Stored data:
----

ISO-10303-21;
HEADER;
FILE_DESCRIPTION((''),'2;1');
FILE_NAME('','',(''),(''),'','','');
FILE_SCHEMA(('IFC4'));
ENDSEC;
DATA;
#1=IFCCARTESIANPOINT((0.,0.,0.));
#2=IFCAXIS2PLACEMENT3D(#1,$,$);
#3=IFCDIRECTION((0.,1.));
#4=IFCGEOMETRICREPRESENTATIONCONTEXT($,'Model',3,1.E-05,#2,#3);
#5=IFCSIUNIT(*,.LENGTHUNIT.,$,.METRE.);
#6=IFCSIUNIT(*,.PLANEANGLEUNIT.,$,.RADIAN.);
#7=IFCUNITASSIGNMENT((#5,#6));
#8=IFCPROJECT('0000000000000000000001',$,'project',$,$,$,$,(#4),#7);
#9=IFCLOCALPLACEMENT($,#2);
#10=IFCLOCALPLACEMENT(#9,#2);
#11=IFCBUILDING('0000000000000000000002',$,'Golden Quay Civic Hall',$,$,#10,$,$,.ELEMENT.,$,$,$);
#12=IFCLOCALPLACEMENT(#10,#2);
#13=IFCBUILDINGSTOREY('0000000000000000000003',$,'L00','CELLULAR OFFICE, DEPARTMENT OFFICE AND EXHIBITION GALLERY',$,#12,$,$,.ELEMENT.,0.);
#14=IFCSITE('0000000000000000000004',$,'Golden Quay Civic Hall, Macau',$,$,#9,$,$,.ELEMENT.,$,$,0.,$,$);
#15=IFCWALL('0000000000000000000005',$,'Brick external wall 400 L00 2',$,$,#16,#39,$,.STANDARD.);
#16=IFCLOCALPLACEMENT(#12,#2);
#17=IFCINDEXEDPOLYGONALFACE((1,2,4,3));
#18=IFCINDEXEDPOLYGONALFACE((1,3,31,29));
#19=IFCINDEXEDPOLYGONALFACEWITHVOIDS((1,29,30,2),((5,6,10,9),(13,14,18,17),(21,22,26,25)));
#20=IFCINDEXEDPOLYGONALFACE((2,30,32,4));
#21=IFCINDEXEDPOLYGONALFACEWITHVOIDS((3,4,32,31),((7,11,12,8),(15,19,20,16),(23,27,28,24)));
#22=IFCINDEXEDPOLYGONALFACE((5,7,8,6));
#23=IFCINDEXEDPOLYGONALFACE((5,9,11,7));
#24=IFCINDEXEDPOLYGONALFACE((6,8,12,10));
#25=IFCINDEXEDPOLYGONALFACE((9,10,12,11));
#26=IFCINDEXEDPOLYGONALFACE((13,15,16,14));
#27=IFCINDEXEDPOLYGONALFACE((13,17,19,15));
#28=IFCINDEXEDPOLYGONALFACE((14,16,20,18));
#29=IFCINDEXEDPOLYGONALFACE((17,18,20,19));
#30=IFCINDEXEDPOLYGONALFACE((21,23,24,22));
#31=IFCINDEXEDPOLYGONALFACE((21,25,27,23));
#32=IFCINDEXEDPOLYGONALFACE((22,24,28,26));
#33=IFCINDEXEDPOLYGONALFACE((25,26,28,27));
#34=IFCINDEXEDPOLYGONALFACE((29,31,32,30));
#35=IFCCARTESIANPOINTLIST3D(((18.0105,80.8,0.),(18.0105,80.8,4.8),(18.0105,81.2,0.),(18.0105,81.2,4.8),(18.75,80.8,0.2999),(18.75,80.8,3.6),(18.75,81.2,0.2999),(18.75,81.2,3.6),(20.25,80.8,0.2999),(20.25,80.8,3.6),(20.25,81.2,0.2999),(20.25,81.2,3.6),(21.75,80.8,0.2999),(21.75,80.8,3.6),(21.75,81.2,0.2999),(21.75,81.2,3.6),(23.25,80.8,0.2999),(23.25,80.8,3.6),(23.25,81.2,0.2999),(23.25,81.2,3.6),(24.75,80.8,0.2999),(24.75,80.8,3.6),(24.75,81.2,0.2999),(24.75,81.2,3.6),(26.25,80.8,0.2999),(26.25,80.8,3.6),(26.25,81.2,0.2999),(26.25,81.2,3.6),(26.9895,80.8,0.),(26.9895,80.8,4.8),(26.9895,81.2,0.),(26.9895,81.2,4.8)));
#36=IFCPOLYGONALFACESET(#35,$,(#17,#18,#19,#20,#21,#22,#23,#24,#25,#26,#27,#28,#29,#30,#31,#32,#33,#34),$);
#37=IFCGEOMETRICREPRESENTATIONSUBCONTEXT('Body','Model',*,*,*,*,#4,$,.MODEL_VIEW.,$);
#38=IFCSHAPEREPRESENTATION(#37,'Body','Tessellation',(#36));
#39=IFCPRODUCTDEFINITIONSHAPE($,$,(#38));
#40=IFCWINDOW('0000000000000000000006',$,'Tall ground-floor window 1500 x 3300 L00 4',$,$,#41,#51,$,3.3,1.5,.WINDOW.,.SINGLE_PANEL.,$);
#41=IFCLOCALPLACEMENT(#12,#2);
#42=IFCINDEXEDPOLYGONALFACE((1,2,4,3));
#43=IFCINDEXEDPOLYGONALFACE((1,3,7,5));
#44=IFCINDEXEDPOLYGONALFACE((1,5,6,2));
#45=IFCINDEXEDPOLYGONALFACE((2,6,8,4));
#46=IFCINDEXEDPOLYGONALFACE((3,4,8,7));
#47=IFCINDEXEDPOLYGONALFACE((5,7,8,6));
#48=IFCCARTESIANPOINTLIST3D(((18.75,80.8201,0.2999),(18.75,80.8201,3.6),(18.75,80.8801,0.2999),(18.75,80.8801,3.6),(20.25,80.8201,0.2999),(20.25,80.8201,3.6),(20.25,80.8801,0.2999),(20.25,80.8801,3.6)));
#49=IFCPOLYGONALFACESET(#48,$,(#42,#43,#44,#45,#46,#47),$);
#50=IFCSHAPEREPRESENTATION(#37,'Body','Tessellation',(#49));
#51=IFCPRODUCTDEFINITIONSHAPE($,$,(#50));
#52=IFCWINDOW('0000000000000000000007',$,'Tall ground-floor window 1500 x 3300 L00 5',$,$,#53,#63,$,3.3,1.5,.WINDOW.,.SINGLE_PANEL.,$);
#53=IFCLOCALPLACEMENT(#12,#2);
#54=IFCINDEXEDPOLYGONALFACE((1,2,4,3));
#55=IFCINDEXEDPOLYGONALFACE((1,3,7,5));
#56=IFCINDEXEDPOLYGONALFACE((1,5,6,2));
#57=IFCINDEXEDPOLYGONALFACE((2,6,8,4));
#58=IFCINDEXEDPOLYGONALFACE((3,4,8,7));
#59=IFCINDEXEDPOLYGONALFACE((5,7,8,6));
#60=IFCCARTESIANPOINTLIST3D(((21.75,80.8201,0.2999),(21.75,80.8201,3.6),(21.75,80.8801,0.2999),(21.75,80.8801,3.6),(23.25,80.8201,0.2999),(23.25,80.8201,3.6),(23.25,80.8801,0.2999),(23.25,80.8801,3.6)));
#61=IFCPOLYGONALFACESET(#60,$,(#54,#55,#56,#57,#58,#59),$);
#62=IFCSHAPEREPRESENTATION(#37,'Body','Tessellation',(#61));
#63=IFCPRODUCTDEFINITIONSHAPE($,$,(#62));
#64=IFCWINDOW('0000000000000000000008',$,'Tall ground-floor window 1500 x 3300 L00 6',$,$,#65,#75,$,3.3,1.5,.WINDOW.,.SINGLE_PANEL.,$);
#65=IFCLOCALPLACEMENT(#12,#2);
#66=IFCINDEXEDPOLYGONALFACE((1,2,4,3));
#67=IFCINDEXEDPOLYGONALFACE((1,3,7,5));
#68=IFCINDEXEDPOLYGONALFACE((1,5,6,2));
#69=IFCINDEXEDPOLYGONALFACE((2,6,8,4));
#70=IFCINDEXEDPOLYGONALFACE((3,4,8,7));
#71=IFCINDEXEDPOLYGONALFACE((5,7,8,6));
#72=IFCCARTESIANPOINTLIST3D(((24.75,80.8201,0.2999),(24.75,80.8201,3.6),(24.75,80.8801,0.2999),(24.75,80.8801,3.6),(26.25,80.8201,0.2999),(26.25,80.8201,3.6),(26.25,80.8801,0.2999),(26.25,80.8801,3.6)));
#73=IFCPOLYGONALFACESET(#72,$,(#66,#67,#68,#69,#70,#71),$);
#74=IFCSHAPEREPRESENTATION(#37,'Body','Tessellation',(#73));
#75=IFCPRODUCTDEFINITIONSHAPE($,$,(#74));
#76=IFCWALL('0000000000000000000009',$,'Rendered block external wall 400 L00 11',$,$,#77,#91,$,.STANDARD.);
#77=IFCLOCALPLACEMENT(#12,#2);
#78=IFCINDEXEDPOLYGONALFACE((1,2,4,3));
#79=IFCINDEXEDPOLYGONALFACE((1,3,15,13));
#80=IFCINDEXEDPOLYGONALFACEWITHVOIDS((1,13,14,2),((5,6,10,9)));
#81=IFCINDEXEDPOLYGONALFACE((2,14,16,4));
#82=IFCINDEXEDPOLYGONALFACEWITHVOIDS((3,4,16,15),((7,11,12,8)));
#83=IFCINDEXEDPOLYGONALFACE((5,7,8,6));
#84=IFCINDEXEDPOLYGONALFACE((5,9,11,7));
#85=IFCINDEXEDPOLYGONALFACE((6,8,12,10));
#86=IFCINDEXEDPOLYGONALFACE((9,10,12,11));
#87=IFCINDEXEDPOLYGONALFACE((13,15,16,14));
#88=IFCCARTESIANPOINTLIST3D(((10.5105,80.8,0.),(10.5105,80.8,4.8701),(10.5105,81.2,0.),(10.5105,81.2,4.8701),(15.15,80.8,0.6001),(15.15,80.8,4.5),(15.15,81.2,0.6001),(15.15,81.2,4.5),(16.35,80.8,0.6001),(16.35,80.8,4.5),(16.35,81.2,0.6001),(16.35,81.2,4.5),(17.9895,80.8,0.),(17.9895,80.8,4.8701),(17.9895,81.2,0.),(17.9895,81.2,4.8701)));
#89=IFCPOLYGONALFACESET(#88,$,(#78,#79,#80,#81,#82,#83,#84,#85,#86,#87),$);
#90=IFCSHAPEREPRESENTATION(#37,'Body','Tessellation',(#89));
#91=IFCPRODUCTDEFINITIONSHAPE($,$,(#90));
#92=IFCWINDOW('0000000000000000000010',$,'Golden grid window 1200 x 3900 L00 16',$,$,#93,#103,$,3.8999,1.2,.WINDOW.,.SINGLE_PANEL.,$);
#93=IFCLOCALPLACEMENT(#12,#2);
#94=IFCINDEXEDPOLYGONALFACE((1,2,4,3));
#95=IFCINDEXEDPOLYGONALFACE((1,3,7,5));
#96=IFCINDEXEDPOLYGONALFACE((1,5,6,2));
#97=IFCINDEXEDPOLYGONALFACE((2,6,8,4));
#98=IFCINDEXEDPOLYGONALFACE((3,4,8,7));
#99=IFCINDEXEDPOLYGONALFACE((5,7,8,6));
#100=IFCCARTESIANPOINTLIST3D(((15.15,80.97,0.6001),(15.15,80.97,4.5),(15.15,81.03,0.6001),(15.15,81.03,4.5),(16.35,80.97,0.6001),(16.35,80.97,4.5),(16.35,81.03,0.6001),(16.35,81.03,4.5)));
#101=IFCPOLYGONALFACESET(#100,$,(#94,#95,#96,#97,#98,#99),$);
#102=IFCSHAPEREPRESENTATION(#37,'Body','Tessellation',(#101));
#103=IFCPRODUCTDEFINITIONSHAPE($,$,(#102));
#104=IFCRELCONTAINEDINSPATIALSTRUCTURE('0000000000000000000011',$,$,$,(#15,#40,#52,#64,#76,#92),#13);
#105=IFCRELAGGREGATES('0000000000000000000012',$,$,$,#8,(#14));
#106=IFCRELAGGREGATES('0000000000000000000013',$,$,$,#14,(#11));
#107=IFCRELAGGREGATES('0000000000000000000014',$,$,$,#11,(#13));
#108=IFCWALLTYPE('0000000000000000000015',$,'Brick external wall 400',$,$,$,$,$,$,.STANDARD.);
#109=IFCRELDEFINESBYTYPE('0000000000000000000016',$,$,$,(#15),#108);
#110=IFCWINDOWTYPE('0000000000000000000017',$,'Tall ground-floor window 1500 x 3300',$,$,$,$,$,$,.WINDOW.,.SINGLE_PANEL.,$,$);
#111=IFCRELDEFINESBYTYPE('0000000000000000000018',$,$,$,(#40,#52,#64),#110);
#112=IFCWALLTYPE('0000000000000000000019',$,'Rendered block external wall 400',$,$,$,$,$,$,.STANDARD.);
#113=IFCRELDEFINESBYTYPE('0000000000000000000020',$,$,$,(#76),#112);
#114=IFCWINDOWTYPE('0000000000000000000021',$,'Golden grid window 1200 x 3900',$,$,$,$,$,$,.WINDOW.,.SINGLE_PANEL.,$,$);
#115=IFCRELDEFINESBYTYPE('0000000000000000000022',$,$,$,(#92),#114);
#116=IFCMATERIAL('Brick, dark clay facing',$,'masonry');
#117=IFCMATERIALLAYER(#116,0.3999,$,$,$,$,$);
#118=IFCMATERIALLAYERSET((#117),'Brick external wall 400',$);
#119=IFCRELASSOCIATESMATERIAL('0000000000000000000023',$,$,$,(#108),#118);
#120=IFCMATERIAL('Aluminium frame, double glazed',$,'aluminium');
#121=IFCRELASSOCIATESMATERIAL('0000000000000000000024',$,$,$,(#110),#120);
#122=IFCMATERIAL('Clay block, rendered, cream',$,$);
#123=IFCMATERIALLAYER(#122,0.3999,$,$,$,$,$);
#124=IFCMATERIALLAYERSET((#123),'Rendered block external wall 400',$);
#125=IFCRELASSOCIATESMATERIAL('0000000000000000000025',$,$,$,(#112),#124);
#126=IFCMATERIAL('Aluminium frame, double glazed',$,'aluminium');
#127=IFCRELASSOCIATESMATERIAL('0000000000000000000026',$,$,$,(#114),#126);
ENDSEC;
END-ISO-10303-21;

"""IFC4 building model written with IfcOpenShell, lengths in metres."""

from ifc_helpers import new_model, si_unit, direction, frame, frame_2d, origin, place, context, subcontext, project, spatial, rectangle, extrude, material, layer, layer_set, type_object, element, fill, save


model = new_model("IFC4")

# Units and contexts
model_context = context("Model", 3, precision=1e-05, world=origin(), true_north=direction((0.0, 1.0)))
body_context = subcontext(model_context, "Body", "Model", "MODEL_VIEW")
ifc_project = project(units=[si_unit("LENGTHUNIT", "METRE"), si_unit("PLANEANGLEUNIT", "RADIAN")], contexts=[model_context])

# Site, building, storey
site_placement = place(None, origin())
site = spatial("IfcSite", under=ifc_project, at=site_placement, Name="Golden Quay Civic Hall, Macau", CompositionType="ELEMENT", RefElevation=0.0)
building_placement = place(site_placement, origin())
building = spatial("IfcBuilding", under=site, at=building_placement, Name="Golden Quay Civic Hall", CompositionType="ELEMENT")
storey_placement = place(building_placement, origin())
storey = spatial("IfcBuildingStorey", under=building, at=storey_placement, Name="L00", Description="CELLULAR OFFICE, DEPARTMENT OFFICE AND EXHIBITION GALLERY", CompositionType="ELEMENT", Elevation=0.0)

----

WHAT IS BEING ASKED –
What is the number of lines in the records that contain "STANDARD"? Answer with it alone.

ANSWER TO THIS TASK –
4